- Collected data

========================

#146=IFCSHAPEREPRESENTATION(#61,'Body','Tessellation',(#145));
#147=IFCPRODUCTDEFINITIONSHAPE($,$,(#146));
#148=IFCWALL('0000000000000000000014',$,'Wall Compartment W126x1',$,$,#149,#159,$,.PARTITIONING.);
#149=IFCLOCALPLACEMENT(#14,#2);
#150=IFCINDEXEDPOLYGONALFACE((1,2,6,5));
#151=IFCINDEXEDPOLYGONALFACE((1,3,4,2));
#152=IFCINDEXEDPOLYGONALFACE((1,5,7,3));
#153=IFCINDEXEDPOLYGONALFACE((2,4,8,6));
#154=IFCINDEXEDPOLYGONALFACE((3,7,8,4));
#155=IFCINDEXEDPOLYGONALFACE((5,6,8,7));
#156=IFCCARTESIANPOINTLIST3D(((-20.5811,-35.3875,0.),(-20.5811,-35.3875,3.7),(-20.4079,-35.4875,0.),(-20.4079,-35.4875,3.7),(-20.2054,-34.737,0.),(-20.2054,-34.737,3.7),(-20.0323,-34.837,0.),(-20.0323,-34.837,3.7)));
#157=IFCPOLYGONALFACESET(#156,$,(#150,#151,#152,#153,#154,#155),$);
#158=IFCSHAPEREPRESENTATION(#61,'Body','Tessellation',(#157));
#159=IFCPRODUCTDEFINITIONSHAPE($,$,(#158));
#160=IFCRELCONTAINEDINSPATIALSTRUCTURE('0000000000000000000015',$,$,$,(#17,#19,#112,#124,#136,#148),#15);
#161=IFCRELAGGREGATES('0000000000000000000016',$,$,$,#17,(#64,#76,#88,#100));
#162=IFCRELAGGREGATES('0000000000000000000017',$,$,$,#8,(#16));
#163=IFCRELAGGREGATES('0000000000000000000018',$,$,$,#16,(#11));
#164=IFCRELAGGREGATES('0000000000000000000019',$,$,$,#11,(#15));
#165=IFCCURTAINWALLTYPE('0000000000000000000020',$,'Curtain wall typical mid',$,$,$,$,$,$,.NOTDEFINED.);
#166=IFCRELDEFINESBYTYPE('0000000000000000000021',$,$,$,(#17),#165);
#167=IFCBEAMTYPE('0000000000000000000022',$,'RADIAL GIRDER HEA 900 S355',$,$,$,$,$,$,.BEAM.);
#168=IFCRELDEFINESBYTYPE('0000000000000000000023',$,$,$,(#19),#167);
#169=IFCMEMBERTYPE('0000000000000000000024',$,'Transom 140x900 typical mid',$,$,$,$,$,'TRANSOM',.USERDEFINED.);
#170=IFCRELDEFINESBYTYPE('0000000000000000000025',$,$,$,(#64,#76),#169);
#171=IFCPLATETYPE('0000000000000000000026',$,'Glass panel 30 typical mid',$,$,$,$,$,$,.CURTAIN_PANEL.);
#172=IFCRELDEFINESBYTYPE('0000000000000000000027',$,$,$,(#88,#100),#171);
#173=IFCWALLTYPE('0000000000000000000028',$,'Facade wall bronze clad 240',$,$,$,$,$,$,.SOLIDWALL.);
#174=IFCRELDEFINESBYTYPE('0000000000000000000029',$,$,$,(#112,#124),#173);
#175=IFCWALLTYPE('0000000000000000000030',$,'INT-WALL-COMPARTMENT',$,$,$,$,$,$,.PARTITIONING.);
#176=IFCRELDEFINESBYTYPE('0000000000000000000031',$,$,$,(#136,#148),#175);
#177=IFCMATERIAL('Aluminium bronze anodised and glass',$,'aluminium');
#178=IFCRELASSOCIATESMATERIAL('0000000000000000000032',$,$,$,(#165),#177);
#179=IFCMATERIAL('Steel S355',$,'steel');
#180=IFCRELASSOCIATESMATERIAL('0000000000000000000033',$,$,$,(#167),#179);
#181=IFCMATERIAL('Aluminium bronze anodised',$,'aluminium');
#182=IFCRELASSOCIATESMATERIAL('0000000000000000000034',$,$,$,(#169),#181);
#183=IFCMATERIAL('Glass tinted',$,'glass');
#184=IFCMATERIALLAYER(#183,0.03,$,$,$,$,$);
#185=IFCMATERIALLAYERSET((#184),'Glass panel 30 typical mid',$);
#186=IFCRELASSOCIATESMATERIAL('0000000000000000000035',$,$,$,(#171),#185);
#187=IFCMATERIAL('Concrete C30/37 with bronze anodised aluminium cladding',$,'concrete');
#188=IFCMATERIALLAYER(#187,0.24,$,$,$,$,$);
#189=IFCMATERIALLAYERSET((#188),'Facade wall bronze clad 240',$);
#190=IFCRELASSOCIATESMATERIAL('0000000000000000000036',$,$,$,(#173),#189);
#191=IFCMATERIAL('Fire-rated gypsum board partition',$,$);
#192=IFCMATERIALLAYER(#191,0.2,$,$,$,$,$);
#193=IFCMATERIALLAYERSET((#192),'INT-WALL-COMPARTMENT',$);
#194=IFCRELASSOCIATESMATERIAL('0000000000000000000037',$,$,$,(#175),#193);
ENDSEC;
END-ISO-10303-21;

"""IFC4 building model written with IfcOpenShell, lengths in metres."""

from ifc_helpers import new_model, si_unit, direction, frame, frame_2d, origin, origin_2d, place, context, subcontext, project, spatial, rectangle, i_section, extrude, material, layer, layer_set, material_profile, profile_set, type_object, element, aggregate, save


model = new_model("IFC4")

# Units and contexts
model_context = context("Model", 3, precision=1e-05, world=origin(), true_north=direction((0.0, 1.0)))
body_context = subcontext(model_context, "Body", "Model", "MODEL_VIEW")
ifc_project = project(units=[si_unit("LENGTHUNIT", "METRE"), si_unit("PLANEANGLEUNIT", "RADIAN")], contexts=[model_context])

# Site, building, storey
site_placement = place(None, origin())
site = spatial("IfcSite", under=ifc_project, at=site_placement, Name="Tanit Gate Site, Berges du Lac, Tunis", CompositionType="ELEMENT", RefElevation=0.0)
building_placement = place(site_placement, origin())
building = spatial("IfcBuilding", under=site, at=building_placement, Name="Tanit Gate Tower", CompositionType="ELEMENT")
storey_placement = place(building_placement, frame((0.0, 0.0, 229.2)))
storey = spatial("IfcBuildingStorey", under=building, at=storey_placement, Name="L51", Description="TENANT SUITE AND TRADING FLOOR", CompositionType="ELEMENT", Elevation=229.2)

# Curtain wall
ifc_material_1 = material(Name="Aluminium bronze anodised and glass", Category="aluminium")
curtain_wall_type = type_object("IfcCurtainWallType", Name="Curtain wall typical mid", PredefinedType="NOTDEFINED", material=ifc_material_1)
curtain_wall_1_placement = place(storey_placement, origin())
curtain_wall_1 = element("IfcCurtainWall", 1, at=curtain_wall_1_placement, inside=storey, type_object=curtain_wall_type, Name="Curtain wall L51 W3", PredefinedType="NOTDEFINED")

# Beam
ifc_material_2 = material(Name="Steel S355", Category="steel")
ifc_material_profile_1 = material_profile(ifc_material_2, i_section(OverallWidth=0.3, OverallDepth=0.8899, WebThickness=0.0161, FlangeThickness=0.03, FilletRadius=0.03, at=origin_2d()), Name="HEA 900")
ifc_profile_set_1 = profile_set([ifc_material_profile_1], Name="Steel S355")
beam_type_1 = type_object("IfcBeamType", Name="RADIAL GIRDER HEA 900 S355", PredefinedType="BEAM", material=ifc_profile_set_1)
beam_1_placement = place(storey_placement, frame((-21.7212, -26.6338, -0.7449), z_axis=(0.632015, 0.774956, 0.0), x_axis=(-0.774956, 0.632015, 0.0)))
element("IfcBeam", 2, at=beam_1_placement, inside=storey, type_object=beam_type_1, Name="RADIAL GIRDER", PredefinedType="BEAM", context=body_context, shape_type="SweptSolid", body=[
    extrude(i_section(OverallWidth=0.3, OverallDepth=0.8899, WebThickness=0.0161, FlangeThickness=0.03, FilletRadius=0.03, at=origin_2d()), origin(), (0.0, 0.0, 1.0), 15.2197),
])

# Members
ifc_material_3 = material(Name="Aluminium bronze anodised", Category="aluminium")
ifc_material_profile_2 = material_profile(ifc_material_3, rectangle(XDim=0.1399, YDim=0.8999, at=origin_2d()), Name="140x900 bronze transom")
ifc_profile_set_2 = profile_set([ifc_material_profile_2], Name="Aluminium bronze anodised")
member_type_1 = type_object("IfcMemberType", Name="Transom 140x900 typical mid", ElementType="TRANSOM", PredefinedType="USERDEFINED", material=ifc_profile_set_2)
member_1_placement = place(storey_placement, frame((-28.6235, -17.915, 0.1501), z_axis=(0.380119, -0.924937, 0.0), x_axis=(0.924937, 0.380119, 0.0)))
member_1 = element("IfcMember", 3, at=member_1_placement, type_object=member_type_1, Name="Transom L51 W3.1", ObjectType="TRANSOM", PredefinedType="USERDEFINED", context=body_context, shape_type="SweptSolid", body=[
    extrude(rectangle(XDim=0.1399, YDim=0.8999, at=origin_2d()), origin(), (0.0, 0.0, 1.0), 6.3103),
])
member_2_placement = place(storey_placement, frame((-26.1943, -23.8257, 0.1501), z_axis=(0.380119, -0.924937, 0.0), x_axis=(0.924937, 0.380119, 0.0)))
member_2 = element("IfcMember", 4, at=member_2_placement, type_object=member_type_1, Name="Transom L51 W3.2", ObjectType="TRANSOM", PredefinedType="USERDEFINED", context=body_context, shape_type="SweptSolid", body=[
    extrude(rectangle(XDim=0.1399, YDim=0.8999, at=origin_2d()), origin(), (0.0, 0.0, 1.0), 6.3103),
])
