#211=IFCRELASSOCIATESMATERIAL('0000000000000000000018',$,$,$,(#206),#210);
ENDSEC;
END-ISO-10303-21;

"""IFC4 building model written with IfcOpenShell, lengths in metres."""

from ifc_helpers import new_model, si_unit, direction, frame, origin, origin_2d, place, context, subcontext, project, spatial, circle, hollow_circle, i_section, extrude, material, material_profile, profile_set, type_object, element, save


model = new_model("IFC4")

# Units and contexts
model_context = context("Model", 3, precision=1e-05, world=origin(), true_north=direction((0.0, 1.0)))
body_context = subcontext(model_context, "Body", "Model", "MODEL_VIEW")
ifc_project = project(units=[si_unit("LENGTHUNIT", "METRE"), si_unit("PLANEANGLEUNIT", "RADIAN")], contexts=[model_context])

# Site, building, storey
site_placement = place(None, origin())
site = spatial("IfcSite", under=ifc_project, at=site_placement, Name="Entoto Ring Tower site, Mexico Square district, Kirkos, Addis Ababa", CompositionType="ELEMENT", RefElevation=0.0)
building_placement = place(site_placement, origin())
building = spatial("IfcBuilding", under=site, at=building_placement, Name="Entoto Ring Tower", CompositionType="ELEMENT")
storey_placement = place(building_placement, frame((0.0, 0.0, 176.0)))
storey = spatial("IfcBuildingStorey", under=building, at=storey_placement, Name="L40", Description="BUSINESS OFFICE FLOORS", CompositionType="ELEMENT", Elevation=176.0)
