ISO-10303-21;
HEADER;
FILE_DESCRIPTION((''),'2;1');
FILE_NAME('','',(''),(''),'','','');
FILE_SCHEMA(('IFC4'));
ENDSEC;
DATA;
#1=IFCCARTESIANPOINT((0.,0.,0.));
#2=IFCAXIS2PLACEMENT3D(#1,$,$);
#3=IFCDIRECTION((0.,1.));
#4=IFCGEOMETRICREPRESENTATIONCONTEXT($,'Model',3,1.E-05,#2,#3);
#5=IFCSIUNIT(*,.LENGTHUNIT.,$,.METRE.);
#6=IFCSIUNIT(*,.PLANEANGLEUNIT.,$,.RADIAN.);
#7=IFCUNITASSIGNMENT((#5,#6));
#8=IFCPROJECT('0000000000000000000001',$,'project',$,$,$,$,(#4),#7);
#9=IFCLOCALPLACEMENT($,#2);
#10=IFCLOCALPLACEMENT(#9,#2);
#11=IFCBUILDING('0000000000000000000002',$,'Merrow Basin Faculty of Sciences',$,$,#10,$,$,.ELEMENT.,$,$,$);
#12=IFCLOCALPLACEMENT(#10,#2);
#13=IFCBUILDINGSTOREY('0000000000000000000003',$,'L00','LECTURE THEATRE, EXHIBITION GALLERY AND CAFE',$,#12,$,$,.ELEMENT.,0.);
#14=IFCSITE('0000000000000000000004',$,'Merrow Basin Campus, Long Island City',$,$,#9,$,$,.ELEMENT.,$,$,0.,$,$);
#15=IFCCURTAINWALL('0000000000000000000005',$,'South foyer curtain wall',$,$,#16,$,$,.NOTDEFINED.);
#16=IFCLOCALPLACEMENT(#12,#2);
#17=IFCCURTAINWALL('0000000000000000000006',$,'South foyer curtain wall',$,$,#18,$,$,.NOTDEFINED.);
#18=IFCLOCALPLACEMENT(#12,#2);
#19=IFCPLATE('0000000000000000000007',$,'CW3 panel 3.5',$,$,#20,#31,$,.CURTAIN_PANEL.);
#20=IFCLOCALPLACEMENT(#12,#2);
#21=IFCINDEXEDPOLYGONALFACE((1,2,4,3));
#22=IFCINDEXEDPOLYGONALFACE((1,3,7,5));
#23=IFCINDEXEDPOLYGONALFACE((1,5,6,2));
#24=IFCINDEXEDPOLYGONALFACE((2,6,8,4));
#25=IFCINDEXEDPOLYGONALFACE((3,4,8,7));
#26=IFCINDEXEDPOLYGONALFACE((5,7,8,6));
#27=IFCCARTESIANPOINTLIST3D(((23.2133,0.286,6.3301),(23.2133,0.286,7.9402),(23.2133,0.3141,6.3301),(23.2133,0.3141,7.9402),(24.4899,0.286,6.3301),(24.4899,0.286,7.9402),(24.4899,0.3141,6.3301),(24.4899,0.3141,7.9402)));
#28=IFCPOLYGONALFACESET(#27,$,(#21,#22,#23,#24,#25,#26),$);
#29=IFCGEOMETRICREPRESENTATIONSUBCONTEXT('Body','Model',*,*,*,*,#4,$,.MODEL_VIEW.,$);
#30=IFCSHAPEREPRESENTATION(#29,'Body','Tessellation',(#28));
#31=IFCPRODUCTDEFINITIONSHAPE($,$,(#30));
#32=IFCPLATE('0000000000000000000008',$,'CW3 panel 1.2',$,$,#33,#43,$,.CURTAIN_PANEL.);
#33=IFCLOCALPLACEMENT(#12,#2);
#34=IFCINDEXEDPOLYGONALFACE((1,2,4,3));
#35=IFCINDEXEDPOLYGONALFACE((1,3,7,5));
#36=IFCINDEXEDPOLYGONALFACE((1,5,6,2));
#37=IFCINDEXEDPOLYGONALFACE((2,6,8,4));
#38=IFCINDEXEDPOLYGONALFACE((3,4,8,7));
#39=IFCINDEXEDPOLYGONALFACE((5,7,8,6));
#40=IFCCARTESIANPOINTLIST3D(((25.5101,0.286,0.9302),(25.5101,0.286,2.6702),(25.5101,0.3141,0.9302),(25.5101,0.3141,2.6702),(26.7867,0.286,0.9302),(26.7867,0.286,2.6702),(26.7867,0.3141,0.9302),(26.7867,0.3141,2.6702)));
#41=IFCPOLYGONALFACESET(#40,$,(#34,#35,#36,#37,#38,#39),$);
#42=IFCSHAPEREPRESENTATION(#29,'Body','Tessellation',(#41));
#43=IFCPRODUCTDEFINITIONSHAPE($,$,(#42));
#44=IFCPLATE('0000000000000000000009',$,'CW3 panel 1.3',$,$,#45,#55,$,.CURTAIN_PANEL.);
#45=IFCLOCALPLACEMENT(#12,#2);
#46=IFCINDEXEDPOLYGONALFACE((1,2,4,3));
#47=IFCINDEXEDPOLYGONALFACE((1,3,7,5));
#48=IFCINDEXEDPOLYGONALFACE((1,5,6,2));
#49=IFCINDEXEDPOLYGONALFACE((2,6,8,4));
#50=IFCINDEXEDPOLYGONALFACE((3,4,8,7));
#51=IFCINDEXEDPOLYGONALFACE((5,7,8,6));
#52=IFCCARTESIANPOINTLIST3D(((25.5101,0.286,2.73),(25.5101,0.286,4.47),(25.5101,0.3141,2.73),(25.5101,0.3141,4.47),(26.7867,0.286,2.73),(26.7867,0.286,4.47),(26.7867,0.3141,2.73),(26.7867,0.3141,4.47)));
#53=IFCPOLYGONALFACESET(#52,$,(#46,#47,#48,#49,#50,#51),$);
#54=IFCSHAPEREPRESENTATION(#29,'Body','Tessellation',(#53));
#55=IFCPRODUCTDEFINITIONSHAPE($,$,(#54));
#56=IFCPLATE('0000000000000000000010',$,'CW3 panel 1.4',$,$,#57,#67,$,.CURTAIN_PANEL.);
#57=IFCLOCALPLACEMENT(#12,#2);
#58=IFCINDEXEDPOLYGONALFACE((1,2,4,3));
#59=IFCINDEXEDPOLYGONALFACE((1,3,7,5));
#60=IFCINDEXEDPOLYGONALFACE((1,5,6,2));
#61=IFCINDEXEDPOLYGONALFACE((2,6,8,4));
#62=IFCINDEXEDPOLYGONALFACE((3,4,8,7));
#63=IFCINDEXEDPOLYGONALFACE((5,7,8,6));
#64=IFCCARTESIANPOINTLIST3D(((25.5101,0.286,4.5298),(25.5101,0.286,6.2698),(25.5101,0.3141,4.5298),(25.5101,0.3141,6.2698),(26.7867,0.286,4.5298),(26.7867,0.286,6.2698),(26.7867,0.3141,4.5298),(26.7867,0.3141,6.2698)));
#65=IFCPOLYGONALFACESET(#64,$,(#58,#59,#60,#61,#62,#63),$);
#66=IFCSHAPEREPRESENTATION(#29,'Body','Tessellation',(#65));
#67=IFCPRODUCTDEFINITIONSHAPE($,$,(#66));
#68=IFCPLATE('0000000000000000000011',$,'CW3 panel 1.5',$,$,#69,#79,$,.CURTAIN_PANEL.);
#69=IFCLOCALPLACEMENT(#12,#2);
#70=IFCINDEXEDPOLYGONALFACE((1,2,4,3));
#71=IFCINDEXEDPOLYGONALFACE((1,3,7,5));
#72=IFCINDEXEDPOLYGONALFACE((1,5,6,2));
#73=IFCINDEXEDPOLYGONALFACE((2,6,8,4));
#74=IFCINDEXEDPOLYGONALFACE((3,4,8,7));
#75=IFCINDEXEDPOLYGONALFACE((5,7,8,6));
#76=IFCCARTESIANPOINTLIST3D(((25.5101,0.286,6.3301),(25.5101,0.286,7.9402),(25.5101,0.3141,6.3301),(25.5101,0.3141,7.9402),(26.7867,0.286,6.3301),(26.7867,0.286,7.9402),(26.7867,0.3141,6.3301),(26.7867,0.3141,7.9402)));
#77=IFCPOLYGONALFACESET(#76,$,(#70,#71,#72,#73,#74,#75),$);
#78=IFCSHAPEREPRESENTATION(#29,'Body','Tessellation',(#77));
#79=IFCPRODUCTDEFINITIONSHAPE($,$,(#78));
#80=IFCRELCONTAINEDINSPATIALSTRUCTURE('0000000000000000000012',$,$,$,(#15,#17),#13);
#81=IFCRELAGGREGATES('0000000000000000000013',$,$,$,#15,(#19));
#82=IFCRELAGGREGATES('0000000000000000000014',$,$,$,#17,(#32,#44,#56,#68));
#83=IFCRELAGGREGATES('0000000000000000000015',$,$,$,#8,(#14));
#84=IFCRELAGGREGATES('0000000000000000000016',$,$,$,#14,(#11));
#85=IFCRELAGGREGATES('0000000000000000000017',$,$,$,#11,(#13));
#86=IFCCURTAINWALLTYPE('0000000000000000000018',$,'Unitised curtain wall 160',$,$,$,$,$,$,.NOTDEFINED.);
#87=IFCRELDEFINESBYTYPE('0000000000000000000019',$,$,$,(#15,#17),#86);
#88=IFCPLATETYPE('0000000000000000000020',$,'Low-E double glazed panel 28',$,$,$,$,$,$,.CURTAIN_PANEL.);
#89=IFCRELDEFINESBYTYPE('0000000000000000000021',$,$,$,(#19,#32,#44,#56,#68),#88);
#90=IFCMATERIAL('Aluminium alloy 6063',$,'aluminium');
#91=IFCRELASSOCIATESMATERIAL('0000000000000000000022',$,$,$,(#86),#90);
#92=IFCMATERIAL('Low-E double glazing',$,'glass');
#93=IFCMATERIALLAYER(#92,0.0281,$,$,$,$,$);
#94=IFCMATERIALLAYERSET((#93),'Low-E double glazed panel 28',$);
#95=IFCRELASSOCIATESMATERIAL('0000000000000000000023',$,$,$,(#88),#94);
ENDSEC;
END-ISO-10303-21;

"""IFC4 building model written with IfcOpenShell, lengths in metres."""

from ifc_helpers import new_model, si_unit, direction, frame, origin, origin_2d, place, context, subcontext, project, spatial, rectangle, extrude, material, layer, layer_set, type_object, element, aggregate, save


model = new_model("IFC4")

# Units and contexts
model_context = context("Model", 3, precision=1e-05, world=origin(), true_north=direction((0.0, 1.0)))
body_context = subcontext(model_context, "Body", "Model", "MODEL_VIEW")
ifc_project = project(units=[si_unit("LENGTHUNIT", "METRE"), si_unit("PLANEANGLEUNIT", "RADIAN")], contexts=[model_context])

# Site, building, storey
site_placement = place(None, origin())
site = spatial("IfcSite", under=ifc_project, at=site_placement, Name="Merrow Basin Campus, Long Island City", CompositionType="ELEMENT", RefElevation=0.0)
building_placement = place(site_placement, origin())
building = spatial("IfcBuilding", under=site, at=building_placement, Name="Merrow Basin Faculty of Sciences", CompositionType="ELEMENT")
storey_placement = place(building_placement, origin())
storey = spatial("IfcBuildingStorey", under=building, at=storey_placement, Name="L00", Description="LECTURE THEATRE, EXHIBITION GALLERY AND CAFE", CompositionType="ELEMENT", Elevation=0.0)

# Curtain wall
ifc_material_1 = material(Name="Aluminium alloy 6063", Category="aluminium")
curtain_wall_type = type_object("IfcCurtainWallType", Name="Unitised curtain wall 160", PredefinedType="NOTDEFINED", material=ifc_material_1)
curtain_wall_1_placement = place(storey_placement, origin())
curtain_wall_1 = element("IfcCurtainWall", 1, at=curtain_wall_1_placement, inside=storey, type_object=curtain_wall_type, Name="South foyer curtain wall", PredefinedType="NOTDEFINED")

# Curtain wall
curtain_wall_2_placement = place(storey_placement, origin())
curtain_wall_2 = element("IfcCurtainWall", 2, at=curtain_wall_2_placement, inside=storey, type_object=curtain_wall_type, Name="South foyer curtain wall", PredefinedType="NOTDEFINED")

# Plates
ifc_material_2 = material(Name="Low-E double glazing", Category="glass")
ifc_layer_1 = layer(ifc_material_2, 0.0281)
ifc_layer_set_1 = layer_set([ifc_layer_1], Name="Low-E double glazed panel 28")
plate_type_1 = type_object("IfcPlateType", Name="Low-E double glazed panel 28", PredefinedType="CURTAIN_PANEL", material=ifc_layer_set_1)
plate_1_placement = place(storey_placement, frame((23.8516, 0.3, 6.3301), z_axis=(0.0, 0.0, 1.0), x_axis=(1.0, 0.0, 0.0)))
plate_1 = element("IfcPlate", 3, at=plate_1_placement, type_object=plate_type_1, Name="CW3 panel 3.5", PredefinedType="CURTAIN_PANEL", context=body_context, shape_type="SweptSolid", body=[
    extrude(rectangle(XDim=1.2766, YDim=0.0281, at=origin_2d()), origin(), (0.0, 0.0, 1.0), 1.6101),
])
aggregate(curtain_wall_1, [plate_1])
plate_2_placement = place(storey_placement, frame((26.1484, 0.3, 0.9302), z_axis=(0.0, 0.0, 1.0), x_axis=(1.0, 0.0, 0.0)))
plate_2 = element("IfcPlate", 4, at=plate_2_placement, type_object=plate_type_1, Name="CW3 panel 1.2", PredefinedType="CURTAIN_PANEL", context=body_context, shape_type="SweptSolid", body=[
    extrude(rectangle(XDim=1.2766, YDim=0.0281, at=origin_2d()), origin(), (0.0, 0.0, 1.0), 1.74),
])
plate_3_placement = place(storey_placement, frame((26.1484, 0.3, 2.73), z_axis=(0.0, 0.0, 1.0), x_axis=(1.0, 0.0, 0.0)))
plate_3 = element("IfcPlate", 5, at=plate_3_placement, type_object=plate_type_1, Name="CW3 panel 1.3", PredefinedType="CURTAIN_PANEL", context=body_context, shape_type="SweptSolid", body=[
    extrude(rectangle(XDim=1.2766, YDim=0.0281, at=origin_2d()), origin(), (0.0, 0.0, 1.0), 1.74),
])
plate_4_placement = place(storey_placement, frame((26.1484, 0.3, 4.5298), z_axis=(0.0, 0.0, 1.0), x_axis=(1.0, 0.0, 0.0)))
plate_4 = element("IfcPlate", 6, at=plate_4_placement, type_object=plate_type_1, Name="CW3 panel 1.4", PredefinedType="CURTAIN_PANEL", context=body_context, shape_type="SweptSolid", body=[
    extrude(rectangle(XDim=1.2766, YDim=0.0281, at=origin_2d()), origin(), (0.0, 0.0, 1.0), 1.74),
])
plate_5_placement = place(storey_placement, frame((26.1484, 0.3, 6.3301), z_axis=(0.0, 0.0, 1.0), x_axis=(1.0, 0.0, 0.0)))
plate_5 = element("IfcPlate", 7, at=plate_5_placement, type_object=plate_type_1, Name="CW3 panel 1.5", PredefinedType="CURTAIN_PANEL", context=body_context, shape_type="SweptSolid", body=[
    extrude(rectangle(XDim=1.2766, YDim=0.0281, at=origin_2d()), origin(), (0.0, 0.0, 1.0), 1.6101),
])
aggregate(curtain_wall_2, [plate_2, plate_3, plate_4, plate_5])

save(model, "model.ifc")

========================

- ACTIVITY
Send back an exact copy of only the lines from the line with "#42=IFCSHAPEREPRESENTATION(#29,'Body','Tessellation',(#41));" up to and including the line with "#60=IFCINDEXEDPOLYGONALFACE((1,5,6,2));" in the data above.

- OUTPUT FOR THIS EXERCISE
#42=IFCSHAPEREPRESENTATION(#29,'Body','Tessellation',(#41));
#43=IFCPRODUCTDEFINITIONSHAPE($,$,(#42));
#44=IFCPLATE('0000000000000000000009',$,'CW3 panel 1.3',$,$,#45,#55,$,.CURTAIN_PANEL.);
#45=IFCLOCALPLACEMENT(#12,#2);
#46=IFCINDEXEDPOLYGONALFACE((1,2,4,3));
#47=IFCINDEXEDPOLYGONALFACE((1,3,7,5));
#48=IFCINDEXEDPOLYGONALFACE((1,5,6,2));
#49=IFCINDEXEDPOLYGONALFACE((2,6,8,4));
#50=IFCINDEXEDPOLYGONALFACE((3,4,8,7));
#51=IFCINDEXEDPOLYGONALFACE((5,7,8,6));
#52=IFCCARTESIANPOINTLIST3D(((25.5101,0.286,2.73),(25.5101,0.286,4.47),(25.5101,0.3141,2.73),(25.5101,0.3141,4.47),(26.7867,0.286,2.73),(26.7867,0.286,4.47),(26.7867,0.3141,2.73),(26.7867,0.3141,4.47)));
#53=IFCPOLYGONALFACESET(#52,$,(#46,#47,#48,#49,#50,#51),$);
#54=IFCSHAPEREPRESENTATION(#29,'Body','Tessellation',(#53));
#55=IFCPRODUCTDEFINITIONSHAPE($,$,(#54));
#56=IFCPLATE('0000000000000000000010',$,'CW3 panel 1.4',$,$,#57,#67,$,.CURTAIN_PANEL.);
#57=IFCLOCALPLACEMENT(#12,#2);
#58=IFCINDEXEDPOLYGONALFACE((1,2,4,3));
#59=IFCINDEXEDPOLYGONALFACE((1,3,7,5));
#60=IFCINDEXEDPOLYGONALFACE((1,5,6,2));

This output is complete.